> Brief
Which lines of the entries contain the string "IFCMATERIALLAYERSET"? Please find them and copy them.

[Stored data]
___
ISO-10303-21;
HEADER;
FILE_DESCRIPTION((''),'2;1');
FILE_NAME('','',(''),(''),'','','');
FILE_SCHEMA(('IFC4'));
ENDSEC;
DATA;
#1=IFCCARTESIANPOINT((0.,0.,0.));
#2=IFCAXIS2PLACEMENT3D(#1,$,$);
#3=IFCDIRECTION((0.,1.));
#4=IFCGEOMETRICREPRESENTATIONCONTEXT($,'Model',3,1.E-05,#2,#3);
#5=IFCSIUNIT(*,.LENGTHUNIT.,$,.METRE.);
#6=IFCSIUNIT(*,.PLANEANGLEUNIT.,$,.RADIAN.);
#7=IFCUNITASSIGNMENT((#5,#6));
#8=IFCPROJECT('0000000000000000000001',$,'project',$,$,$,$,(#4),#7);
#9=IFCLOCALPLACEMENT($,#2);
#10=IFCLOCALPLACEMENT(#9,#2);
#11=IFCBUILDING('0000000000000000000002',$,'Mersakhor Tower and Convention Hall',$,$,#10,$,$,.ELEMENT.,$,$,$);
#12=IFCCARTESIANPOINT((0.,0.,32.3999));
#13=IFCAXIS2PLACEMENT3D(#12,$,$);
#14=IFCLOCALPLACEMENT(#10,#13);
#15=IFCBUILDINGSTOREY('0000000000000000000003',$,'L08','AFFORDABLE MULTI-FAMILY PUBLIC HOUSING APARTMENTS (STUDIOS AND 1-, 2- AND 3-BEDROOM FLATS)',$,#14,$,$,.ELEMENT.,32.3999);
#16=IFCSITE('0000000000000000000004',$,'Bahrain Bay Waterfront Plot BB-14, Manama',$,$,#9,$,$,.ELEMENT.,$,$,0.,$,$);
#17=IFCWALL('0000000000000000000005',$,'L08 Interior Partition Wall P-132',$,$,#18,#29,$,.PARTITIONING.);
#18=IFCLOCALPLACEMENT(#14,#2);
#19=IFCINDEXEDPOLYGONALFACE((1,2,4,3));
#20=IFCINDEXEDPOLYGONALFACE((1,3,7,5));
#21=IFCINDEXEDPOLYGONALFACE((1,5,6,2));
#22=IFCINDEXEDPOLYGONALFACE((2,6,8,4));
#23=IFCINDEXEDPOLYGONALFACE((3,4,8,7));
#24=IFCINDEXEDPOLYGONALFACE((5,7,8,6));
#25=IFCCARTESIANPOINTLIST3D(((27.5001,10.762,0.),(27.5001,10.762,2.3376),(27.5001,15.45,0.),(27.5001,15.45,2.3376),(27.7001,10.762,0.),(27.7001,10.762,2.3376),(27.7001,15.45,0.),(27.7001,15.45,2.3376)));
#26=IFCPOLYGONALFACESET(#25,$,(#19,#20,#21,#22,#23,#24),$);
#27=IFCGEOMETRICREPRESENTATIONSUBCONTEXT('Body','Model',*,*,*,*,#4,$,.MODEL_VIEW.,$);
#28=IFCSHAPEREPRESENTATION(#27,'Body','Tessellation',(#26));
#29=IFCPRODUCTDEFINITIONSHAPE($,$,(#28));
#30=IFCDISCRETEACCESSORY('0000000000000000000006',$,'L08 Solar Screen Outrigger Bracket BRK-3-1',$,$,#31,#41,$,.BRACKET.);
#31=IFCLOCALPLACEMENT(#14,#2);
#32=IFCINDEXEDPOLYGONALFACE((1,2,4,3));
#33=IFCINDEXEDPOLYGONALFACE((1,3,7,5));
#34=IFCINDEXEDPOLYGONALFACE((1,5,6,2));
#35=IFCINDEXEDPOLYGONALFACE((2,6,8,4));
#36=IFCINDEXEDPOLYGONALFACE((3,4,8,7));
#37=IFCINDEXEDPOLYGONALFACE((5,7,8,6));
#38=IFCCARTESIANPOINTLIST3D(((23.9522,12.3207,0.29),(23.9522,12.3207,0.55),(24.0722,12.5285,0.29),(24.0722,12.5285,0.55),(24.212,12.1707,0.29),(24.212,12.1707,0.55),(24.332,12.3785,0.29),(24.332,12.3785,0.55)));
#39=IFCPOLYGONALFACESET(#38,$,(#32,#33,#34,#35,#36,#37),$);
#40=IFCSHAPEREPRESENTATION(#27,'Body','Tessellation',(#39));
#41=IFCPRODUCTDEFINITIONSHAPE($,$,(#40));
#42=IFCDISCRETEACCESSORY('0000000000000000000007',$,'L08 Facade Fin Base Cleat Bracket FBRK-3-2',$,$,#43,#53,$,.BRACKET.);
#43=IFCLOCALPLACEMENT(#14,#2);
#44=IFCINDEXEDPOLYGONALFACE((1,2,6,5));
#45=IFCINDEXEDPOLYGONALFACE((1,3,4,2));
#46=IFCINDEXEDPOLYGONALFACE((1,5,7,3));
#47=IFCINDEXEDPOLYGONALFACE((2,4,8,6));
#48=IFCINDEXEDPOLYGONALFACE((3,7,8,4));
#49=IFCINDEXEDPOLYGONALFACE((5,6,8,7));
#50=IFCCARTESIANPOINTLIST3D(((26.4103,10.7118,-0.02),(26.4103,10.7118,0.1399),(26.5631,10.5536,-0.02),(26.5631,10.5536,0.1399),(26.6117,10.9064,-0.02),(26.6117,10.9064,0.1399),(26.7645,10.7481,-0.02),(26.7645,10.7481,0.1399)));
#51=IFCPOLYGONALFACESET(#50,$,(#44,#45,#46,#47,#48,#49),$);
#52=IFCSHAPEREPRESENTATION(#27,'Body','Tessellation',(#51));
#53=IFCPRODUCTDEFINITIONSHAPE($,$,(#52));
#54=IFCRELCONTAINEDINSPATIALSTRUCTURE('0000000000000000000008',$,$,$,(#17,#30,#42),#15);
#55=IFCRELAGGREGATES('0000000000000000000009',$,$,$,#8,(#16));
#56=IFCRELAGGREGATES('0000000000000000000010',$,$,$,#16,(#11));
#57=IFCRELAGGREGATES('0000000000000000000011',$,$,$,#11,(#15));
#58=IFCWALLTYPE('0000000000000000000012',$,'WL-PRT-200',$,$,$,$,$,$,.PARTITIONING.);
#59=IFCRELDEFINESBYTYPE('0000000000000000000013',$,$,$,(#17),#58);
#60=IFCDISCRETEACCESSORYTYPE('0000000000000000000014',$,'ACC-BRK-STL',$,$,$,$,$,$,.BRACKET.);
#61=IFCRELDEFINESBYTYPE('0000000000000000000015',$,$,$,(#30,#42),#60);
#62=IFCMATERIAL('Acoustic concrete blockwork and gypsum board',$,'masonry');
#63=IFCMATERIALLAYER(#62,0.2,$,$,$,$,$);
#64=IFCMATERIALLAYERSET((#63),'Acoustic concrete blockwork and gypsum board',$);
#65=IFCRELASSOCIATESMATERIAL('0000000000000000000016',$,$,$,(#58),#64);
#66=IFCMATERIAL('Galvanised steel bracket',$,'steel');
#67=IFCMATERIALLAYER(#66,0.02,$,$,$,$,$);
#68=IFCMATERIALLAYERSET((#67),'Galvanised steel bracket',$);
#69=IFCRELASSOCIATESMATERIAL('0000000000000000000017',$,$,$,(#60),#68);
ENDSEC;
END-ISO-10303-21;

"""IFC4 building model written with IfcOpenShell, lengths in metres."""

from ifc_helpers import new_model, si_unit, direction, frame, frame_2d, origin, origin_2d, place, context, subcontext, project, spatial, rectangle, extrude, material, layer, layer_set, type_object, element, save


model = new_model("IFC4")

# Units and contexts
model_context = context("Model", 3, precision=1e-05, world=origin(), true_north=direction((0.0, 1.0)))
body_context = subcontext(model_context, "Body", "Model", "MODEL_VIEW")
ifc_project = project(units=[si_unit("LENGTHUNIT", "METRE"), si_unit("PLANEANGLEUNIT", "RADIAN")], contexts=[model_context])

# Site, building, storey
site_placement = place(None, origin())
site = spatial("IfcSite", under=ifc_project, at=site_placement, Name="Bahrain Bay Waterfront Plot BB-14, Manama", CompositionType="ELEMENT", RefElevation=0.0)
building_placement = place(site_placement, origin())
building = spatial("IfcBuilding", under=site, at=building_placement, Name="Mersakhor Tower and Convention Hall", CompositionType="ELEMENT")
storey_placement = place(building_placement, frame((0.0, 0.0, 32.3999)))
storey = spatial("IfcBuildingStorey", under=building, at=storey_placement, Name="L08", Description="AFFORDABLE MULTI-FAMILY PUBLIC HOUSING APARTMENTS (STUDIOS AND 1-, 2- AND 3-BEDROOM FLATS)", CompositionType="ELEMENT", Elevation=32.3999)

# Wall
ifc_material_1 = material(Name="Acoustic concrete blockwork and gypsum board", Category="masonry")
ifc_layer_1 = layer(ifc_material_1, 0.2)
ifc_layer_set_1 = layer_set([ifc_layer_1], Name="Acoustic concrete blockwork and gypsum board")
wall_type_1 = type_object("IfcWallType", Name="WL-PRT-200", PredefinedType="PARTITIONING", material=ifc_layer_set_1)
wall_1_placement = place(storey_placement, frame((27.6001, 15.45, 0.0), z_axis=(0.0, 0.0, 1.0), x_axis=(0.0, -1.0, 0.0)))
element("IfcWall", 1, at=wall_1_placement, inside=storey, type_object=wall_type_1, Name="L08 Interior Partition Wall P-132", PredefinedType="PARTITIONING", context=body_context, shape_type="SweptSolid", body=[
    extrude(rectangle(XDim=4.688, YDim=0.2, at=frame_2d((2.344, 0.0))), origin(), (0.0, 0.0, 1.0), 2.3376),
])

# Discrete accessories
ifc_material_2 = material(Name="Galvanised steel bracket", Category="steel")
ifc_layer_2 = layer(ifc_material_2, 0.02)
ifc_layer_set_2 = layer_set([ifc_layer_2], Name="Galvanised steel bracket")
discrete_accessory_type = type_object("IfcDiscreteAccessoryType", Name="ACC-BRK-STL", PredefinedType="BRACKET", material=ifc_layer_set_2)
discrete_accessory_1_placement = place(storey_placement, frame((24.1421, 12.3496, 0.29), z_axis=(0.0, 0.0, 1.0), x_axis=(-0.866025, 0.5, 0.0)))
element("IfcDiscreteAccessory", 2, at=discrete_accessory_1_placement, inside=storey, type_object=discrete_accessory_type, Name="L08 Solar Screen Outrigger Bracket BRK-3-1", PredefinedType="BRACKET", context=body_context, shape_type="SweptSolid", body=[
    extrude(rectangle(XDim=0.3, YDim=0.24, at=origin_2d()), origin(), (0.0, 0.0, 1.0), 0.26),
])
discrete_accessory_2_placement = place(storey_placement, frame((26.5874, 10.73, -0.02), z_axis=(0.0, 0.0, 1.0), x_axis=(-0.71934, -0.694658, 0.0)))
element("IfcDiscreteAccessory", 3, at=discrete_accessory_2_placement, inside=storey, type_object=discrete_accessory_type, Name="L08 Facade Fin Base Cleat Bracket FBRK-3-2", PredefinedType="BRACKET", context=body_context, shape_type="SweptSolid", body=[
    extrude(rectangle(XDim=0.28, YDim=0.22, at=origin_2d()), origin(), (0.0, 0.0, 1.0), 0.1599),
])

save(model, "model.ifc")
___
> The completed task
#64=IFCMATERIALLAYERSET((#63),'Acoustic concrete blockwork and gypsum board',$);
#68=IFCMATERIALLAYERSET((#67),'Galvanised steel bracket',$);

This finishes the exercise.